Exercise directions: Take the entries that follow and return exactly the lines from the one holding "#90=IFCINDEXEDPOLYGONALFACE((4,8,24,20));" through the one holding "#97=IFCINDEXEDPOLYGONALFACE((19,20,24,23));", both included. Nothing else is needed.

_ _ _

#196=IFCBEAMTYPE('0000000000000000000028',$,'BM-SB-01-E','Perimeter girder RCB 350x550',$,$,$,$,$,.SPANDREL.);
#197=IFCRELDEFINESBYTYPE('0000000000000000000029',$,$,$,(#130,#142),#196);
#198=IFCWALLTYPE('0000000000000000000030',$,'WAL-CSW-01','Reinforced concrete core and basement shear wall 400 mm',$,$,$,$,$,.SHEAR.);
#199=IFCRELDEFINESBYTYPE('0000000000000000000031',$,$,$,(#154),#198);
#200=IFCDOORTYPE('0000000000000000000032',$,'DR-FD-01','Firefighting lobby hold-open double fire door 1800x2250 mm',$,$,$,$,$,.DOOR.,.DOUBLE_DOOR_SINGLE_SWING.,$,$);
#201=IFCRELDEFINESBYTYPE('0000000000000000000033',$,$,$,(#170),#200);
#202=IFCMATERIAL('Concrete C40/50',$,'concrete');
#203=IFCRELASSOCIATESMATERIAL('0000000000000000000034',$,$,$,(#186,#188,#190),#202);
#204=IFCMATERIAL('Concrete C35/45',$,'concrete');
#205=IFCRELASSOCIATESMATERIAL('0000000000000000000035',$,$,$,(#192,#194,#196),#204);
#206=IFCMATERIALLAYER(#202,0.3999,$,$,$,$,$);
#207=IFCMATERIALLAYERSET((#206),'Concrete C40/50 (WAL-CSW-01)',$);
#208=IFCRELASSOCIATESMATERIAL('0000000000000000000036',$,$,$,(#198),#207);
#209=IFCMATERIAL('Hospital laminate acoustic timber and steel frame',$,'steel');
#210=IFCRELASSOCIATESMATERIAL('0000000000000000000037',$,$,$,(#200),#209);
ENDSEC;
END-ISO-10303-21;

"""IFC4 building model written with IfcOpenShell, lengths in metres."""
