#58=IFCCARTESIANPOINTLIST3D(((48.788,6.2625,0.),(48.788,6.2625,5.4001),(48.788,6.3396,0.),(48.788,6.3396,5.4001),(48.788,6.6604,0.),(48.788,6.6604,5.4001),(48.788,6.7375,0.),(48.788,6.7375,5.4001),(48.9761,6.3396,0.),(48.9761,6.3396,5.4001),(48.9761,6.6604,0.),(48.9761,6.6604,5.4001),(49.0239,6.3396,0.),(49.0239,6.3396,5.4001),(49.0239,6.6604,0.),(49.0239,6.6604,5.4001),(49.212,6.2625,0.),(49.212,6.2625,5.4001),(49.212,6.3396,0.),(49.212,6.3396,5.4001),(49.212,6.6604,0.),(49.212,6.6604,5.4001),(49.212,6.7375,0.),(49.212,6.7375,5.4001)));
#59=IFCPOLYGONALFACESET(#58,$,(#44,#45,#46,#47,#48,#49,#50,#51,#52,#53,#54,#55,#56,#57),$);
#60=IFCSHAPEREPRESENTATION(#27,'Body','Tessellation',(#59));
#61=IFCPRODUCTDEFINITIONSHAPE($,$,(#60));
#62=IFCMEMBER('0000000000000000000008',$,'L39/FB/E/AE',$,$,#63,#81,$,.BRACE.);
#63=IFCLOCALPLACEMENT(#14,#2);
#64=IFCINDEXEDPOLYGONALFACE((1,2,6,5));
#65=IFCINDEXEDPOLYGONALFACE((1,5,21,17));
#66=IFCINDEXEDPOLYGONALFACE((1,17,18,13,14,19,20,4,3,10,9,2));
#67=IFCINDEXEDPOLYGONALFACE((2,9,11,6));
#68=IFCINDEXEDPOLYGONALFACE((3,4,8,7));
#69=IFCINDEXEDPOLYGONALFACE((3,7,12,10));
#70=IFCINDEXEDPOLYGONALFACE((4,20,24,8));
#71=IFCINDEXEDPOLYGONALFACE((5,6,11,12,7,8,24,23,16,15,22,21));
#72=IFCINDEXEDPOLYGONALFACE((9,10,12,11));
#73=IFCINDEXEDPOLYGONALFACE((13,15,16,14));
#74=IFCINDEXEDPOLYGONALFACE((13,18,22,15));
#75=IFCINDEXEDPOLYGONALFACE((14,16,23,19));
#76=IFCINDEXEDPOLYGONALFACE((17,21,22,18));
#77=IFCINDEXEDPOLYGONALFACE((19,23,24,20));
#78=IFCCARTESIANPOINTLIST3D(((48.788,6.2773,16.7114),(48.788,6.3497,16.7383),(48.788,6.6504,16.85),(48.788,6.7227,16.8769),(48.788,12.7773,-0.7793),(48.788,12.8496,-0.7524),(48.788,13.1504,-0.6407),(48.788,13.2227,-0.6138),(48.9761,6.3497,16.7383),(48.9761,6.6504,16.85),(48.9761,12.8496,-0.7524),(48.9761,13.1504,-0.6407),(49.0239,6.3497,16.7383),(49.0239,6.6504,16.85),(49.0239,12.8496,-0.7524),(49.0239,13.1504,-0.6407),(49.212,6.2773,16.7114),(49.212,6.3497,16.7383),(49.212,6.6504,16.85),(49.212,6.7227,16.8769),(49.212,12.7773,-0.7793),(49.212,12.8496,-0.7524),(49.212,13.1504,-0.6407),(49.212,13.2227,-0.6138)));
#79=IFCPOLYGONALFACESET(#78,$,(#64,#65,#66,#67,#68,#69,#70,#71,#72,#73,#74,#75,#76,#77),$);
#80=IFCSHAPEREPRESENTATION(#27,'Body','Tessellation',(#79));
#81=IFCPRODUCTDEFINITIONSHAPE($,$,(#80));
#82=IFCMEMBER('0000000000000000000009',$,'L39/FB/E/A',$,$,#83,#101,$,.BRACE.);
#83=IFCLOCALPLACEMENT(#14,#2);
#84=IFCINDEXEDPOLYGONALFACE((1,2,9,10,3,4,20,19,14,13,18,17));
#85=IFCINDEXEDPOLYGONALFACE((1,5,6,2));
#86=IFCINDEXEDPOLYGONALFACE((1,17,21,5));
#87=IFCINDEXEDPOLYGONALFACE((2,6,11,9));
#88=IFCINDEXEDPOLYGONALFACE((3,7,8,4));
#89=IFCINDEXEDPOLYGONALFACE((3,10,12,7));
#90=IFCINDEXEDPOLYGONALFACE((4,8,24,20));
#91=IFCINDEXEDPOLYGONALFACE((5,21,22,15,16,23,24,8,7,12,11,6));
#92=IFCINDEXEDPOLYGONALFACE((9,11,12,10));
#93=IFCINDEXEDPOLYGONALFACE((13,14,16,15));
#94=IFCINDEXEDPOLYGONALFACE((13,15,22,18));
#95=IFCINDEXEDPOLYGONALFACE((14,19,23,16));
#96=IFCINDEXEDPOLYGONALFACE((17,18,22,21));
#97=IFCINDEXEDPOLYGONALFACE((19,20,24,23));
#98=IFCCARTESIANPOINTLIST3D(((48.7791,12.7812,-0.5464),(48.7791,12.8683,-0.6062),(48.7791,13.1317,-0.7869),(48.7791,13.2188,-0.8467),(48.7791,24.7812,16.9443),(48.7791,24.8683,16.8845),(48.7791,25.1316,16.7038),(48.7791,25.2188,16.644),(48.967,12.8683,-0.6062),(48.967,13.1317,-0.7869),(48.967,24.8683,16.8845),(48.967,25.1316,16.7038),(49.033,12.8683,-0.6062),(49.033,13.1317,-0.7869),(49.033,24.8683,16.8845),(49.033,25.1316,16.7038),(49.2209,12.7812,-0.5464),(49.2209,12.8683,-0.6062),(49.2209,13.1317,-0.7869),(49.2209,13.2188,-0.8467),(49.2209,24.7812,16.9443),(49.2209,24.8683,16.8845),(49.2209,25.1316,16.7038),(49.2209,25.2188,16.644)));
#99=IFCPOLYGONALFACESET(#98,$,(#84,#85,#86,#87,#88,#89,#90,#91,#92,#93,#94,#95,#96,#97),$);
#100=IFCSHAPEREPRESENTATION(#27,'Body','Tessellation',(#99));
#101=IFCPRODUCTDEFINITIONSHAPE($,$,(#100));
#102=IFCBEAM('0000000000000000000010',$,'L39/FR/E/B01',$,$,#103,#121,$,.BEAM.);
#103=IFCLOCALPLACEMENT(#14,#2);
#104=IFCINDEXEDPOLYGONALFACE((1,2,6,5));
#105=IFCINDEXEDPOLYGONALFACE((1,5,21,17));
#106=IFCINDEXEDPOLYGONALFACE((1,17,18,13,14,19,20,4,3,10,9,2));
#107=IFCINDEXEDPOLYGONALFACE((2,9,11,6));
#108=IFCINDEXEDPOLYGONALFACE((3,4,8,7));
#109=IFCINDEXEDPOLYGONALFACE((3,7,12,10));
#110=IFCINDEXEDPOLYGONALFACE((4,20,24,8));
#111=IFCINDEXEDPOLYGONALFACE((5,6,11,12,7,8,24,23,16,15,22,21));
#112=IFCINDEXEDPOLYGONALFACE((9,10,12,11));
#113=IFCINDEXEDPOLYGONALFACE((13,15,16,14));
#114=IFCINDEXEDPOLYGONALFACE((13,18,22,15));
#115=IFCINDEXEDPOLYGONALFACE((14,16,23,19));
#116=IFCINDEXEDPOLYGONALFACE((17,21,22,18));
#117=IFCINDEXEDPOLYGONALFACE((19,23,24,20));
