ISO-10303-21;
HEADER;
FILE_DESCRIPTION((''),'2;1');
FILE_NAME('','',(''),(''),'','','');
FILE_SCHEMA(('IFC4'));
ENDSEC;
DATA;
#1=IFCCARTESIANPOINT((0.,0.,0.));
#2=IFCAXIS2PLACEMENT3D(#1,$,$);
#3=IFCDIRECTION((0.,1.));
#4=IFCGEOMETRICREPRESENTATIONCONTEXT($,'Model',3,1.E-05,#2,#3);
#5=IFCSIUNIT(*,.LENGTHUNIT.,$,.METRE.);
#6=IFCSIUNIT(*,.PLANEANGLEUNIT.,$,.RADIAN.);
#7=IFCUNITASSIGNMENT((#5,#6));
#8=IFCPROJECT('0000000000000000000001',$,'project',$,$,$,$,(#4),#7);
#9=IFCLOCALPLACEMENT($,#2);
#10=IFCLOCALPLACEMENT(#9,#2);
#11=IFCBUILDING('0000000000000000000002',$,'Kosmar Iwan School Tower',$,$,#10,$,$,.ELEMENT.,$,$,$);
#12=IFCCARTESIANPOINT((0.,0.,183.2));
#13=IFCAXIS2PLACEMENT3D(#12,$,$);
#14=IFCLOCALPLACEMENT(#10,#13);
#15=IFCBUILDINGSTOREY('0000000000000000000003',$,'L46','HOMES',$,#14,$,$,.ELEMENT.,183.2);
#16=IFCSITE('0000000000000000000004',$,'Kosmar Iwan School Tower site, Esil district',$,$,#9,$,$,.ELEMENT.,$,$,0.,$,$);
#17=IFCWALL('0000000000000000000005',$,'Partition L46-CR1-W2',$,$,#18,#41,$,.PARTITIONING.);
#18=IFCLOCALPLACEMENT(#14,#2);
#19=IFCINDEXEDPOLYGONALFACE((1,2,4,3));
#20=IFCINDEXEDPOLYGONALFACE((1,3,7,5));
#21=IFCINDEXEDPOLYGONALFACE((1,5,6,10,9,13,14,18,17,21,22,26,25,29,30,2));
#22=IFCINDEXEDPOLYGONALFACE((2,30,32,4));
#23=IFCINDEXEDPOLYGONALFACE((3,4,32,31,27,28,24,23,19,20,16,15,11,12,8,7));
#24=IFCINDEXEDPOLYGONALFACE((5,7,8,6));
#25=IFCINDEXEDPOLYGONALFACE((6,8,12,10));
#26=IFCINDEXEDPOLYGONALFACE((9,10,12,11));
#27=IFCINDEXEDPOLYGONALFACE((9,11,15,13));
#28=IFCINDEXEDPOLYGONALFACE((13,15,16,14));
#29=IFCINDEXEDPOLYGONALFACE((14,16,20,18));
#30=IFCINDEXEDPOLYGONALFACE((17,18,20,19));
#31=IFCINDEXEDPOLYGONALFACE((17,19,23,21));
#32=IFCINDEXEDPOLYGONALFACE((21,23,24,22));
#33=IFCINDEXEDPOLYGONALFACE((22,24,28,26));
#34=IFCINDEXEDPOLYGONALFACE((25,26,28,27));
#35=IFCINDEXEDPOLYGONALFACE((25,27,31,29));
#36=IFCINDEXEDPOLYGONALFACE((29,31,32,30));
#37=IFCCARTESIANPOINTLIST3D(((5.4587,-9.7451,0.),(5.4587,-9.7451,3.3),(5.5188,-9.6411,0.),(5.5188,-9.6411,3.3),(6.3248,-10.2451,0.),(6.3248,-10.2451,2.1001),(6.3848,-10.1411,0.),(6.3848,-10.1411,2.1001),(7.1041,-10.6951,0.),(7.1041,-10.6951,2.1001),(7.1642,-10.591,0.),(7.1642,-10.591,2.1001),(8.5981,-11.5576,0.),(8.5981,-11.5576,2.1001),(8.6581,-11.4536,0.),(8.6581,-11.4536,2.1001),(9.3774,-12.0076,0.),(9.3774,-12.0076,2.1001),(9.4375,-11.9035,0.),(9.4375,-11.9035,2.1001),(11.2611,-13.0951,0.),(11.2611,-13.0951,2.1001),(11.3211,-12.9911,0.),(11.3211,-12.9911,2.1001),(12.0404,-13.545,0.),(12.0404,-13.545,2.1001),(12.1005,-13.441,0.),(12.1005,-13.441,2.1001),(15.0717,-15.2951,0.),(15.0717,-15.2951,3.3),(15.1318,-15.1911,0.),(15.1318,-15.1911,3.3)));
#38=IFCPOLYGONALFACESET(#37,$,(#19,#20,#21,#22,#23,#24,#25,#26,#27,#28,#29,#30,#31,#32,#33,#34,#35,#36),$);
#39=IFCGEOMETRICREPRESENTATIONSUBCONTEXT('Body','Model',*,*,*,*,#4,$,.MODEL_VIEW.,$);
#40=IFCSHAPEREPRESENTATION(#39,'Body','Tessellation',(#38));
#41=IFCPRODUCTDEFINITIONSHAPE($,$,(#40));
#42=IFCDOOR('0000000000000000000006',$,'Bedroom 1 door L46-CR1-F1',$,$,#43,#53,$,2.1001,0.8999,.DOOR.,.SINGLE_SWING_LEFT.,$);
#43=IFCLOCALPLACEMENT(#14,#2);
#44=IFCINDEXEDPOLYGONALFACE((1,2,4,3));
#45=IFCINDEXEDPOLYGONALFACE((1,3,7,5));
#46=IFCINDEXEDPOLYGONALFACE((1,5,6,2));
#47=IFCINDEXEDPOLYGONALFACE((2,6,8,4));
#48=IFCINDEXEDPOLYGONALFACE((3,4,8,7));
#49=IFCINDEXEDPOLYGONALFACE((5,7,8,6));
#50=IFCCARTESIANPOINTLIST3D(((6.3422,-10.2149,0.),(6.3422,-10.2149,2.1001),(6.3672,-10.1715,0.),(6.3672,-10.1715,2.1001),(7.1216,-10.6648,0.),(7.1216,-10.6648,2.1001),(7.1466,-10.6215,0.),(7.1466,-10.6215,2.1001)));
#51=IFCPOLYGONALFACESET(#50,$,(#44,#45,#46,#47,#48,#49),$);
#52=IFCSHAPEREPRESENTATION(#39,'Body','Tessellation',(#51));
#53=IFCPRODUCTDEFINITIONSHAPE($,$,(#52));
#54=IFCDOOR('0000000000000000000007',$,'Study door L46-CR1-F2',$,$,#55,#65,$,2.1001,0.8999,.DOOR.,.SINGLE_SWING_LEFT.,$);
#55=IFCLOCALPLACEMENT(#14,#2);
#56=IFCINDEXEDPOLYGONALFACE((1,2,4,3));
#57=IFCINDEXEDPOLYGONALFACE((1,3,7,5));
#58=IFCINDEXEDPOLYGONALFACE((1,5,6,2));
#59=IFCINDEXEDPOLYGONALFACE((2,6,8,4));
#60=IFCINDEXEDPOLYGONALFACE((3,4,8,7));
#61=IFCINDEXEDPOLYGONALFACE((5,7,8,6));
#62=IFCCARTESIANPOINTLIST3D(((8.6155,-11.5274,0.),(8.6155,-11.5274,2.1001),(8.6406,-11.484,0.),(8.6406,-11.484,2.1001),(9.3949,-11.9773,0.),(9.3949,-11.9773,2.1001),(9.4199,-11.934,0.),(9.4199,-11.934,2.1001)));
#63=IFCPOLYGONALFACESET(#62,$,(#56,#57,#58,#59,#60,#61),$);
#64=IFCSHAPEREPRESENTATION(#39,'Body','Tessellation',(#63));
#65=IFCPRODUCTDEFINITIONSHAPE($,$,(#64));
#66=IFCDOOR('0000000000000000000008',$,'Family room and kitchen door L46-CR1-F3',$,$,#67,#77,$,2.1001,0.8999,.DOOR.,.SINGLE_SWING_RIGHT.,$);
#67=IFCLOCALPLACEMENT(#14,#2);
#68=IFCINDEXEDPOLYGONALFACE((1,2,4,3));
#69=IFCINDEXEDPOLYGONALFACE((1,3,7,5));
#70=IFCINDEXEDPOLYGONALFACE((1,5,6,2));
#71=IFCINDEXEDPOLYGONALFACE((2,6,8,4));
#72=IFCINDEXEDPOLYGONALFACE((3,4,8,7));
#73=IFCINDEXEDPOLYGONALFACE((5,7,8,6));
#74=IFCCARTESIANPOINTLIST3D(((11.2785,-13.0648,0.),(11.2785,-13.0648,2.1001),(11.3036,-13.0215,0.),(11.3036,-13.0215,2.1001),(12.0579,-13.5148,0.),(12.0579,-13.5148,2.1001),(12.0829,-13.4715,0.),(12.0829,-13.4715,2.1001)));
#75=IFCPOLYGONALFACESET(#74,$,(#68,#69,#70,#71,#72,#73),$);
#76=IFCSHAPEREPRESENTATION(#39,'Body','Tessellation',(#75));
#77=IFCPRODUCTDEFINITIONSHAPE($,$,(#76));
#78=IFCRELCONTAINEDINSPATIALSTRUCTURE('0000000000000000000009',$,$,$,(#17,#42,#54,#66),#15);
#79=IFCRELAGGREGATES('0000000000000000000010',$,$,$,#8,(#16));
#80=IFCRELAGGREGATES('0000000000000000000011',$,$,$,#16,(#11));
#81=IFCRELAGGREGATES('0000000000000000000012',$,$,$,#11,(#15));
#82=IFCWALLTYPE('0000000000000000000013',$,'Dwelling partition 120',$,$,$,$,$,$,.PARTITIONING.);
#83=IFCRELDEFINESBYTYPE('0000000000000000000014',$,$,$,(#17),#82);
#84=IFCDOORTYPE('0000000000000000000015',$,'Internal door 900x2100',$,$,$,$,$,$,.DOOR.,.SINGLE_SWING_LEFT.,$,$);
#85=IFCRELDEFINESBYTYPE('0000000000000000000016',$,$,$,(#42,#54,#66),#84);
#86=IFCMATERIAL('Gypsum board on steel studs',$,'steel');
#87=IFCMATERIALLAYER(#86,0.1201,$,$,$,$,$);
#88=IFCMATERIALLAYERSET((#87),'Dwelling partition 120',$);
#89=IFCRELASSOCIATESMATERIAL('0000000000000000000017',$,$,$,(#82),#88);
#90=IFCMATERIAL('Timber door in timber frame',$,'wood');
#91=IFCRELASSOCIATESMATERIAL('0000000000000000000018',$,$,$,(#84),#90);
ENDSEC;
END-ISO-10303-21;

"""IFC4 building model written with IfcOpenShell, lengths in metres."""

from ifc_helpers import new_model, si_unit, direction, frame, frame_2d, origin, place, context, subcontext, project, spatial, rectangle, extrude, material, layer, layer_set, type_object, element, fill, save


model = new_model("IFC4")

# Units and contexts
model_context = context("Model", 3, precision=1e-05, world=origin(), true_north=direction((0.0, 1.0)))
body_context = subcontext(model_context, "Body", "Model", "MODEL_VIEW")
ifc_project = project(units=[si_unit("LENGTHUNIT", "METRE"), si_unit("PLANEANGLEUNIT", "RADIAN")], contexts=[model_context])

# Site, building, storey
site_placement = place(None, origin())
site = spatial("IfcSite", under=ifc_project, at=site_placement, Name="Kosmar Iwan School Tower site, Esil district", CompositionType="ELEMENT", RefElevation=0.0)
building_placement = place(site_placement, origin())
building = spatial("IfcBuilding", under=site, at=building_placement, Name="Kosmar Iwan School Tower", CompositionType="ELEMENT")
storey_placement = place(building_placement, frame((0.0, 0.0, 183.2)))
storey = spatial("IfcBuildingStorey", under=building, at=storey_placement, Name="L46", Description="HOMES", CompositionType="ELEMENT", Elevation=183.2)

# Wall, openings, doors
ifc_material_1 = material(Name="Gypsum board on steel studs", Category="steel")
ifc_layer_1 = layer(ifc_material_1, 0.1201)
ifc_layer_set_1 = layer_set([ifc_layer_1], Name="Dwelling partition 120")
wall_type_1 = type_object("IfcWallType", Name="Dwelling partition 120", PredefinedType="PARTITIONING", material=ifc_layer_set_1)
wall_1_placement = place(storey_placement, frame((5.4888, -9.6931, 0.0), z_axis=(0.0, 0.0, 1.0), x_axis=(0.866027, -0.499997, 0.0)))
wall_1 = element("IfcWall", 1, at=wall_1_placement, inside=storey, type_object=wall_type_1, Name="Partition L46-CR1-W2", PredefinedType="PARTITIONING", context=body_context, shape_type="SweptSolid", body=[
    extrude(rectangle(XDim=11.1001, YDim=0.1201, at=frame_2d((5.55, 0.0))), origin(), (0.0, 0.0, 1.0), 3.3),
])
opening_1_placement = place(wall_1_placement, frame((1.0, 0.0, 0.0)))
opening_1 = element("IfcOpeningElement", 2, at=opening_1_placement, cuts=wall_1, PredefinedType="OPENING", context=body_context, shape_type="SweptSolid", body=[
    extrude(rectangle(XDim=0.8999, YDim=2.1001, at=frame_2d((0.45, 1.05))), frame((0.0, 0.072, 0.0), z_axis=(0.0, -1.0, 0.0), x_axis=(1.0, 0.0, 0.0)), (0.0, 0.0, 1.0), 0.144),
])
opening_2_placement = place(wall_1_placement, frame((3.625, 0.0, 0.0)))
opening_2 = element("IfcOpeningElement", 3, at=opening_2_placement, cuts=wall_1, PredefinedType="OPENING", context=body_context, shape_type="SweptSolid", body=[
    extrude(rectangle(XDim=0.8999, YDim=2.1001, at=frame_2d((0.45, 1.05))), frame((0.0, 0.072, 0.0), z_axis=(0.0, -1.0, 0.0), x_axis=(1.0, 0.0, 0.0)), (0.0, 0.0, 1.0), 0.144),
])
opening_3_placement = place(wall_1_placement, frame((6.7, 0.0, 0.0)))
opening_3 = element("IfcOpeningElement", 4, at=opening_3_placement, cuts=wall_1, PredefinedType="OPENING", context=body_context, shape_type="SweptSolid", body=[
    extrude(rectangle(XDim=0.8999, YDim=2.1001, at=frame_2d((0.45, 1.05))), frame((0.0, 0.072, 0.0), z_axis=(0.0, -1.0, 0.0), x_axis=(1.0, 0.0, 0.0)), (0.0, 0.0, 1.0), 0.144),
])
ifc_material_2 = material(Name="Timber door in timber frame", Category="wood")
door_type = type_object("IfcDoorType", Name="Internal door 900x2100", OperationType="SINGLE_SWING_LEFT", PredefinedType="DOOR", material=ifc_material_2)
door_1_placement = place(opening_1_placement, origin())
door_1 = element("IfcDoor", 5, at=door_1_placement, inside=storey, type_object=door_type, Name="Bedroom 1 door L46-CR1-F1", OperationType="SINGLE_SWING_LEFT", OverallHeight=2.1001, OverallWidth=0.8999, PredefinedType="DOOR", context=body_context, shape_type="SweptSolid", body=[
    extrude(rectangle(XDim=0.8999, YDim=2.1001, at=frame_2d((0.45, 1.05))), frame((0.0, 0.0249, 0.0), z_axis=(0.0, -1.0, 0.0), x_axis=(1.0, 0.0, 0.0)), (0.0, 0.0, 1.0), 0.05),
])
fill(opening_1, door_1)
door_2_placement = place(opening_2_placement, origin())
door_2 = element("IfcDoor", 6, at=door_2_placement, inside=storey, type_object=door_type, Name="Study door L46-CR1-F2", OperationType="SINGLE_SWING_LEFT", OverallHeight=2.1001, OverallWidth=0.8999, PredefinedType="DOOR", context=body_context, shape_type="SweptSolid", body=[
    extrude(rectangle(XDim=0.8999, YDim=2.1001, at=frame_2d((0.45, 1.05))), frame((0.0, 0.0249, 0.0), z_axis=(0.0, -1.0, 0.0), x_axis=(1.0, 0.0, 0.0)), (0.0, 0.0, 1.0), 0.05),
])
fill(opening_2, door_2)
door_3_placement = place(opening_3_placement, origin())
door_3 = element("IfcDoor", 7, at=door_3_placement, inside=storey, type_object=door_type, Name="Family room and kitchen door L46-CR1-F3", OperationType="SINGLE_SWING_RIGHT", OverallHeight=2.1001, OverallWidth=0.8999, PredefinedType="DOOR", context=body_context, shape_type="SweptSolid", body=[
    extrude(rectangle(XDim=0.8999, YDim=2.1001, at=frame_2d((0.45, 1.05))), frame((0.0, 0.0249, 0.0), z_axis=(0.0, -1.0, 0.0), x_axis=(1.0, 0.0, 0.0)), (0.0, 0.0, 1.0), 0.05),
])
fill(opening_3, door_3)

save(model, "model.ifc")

_ _ _

Worked solution:
#90=IFCINDEXEDPOLYGONALFACE((4,8,24,20));
#91=IFCINDEXEDPOLYGONALFACE((5,21,22,15,16,23,24,8,7,12,11,6));
#92=IFCINDEXEDPOLYGONALFACE((9,11,12,10));
#93=IFCINDEXEDPOLYGONALFACE((13,14,16,15));
#94=IFCINDEXEDPOLYGONALFACE((13,15,22,18));
#95=IFCINDEXEDPOLYGONALFACE((14,19,23,16));
#96=IFCINDEXEDPOLYGONALFACE((17,18,22,21));
#97=IFCINDEXEDPOLYGONALFACE((19,20,24,23));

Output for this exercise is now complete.